#### What the task asks:
The answer must restate the records below word for word.

#### Records for this task:
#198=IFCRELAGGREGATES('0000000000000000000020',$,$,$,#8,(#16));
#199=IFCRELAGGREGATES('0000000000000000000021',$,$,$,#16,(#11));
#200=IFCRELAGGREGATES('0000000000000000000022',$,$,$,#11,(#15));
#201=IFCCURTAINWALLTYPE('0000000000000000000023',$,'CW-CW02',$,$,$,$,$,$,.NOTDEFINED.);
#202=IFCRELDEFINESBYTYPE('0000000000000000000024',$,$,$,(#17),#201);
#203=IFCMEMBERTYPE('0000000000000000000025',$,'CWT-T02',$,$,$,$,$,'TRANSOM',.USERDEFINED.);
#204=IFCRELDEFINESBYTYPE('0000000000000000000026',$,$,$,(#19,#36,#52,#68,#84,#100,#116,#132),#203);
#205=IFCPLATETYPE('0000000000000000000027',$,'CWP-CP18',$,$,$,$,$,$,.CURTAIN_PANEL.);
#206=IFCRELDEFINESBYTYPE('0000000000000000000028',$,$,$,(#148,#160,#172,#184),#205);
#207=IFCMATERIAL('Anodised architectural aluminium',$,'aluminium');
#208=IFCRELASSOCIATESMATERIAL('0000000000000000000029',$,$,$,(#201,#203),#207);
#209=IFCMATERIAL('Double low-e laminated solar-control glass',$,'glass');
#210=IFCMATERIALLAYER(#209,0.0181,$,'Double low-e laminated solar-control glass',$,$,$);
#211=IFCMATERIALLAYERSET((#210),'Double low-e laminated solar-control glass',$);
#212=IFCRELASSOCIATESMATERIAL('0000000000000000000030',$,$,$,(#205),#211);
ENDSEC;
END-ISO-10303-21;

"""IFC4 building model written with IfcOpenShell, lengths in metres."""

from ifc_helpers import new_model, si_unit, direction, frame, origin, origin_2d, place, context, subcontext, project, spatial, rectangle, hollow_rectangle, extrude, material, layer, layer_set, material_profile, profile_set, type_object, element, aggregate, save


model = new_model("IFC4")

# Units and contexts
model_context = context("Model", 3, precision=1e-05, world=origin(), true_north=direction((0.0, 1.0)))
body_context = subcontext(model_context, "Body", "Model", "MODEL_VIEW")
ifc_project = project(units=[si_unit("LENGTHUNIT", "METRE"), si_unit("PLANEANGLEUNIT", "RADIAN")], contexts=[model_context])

#### Response to the task:
#198=IFCRELAGGREGATES('0000000000000000000020',$,$,$,#8,(#16));
#199=IFCRELAGGREGATES('0000000000000000000021',$,$,$,#16,(#11));
#200=IFCRELAGGREGATES('0000000000000000000022',$,$,$,#11,(#15));
#201=IFCCURTAINWALLTYPE('0000000000000000000023',$,'CW-CW02',$,$,$,$,$,$,.NOTDEFINED.);
#202=IFCRELDEFINESBYTYPE('0000000000000000000024',$,$,$,(#17),#201);
#203=IFCMEMBERTYPE('0000000000000000000025',$,'CWT-T02',$,$,$,$,$,'TRANSOM',.USERDEFINED.);
#204=IFCRELDEFINESBYTYPE('0000000000000000000026',$,$,$,(#19,#36,#52,#68,#84,#100,#116,#132),#203);
#205=IFCPLATETYPE('0000000000000000000027',$,'CWP-CP18',$,$,$,$,$,$,.CURTAIN_PANEL.);
#206=IFCRELDEFINESBYTYPE('0000000000000000000028',$,$,$,(#148,#160,#172,#184),#205);
#207=IFCMATERIAL('Anodised architectural aluminium',$,'aluminium');
#208=IFCRELASSOCIATESMATERIAL('0000000000000000000029',$,$,$,(#201,#203),#207);
#209=IFCMATERIAL('Double low-e laminated solar-control glass',$,'glass');
#210=IFCMATERIALLAYER(#209,0.0181,$,'Double low-e laminated solar-control glass',$,$,$);
#211=IFCMATERIALLAYERSET((#210),'Double low-e laminated solar-control glass',$);
#212=IFCRELASSOCIATESMATERIAL('0000000000000000000030',$,$,$,(#205),#211);
ENDSEC;
END-ISO-10303-21;

"""IFC4 building model written with IfcOpenShell, lengths in metres."""

from ifc_helpers import new_model, si_unit, direction, frame, origin, origin_2d, place, context, subcontext, project, spatial, rectangle, hollow_rectangle, extrude, material, layer, layer_set, material_profile, profile_set, type_object, element, aggregate, save


model = new_model("IFC4")

# Units and contexts
model_context = context("Model", 3, precision=1e-05, world=origin(), true_north=direction((0.0, 1.0)))
body_context = subcontext(model_context, "Body", "Model", "MODEL_VIEW")
ifc_project = project(units=[si_unit("LENGTHUNIT", "METRE"), si_unit("PLANEANGLEUNIT", "RADIAN")], contexts=[model_context])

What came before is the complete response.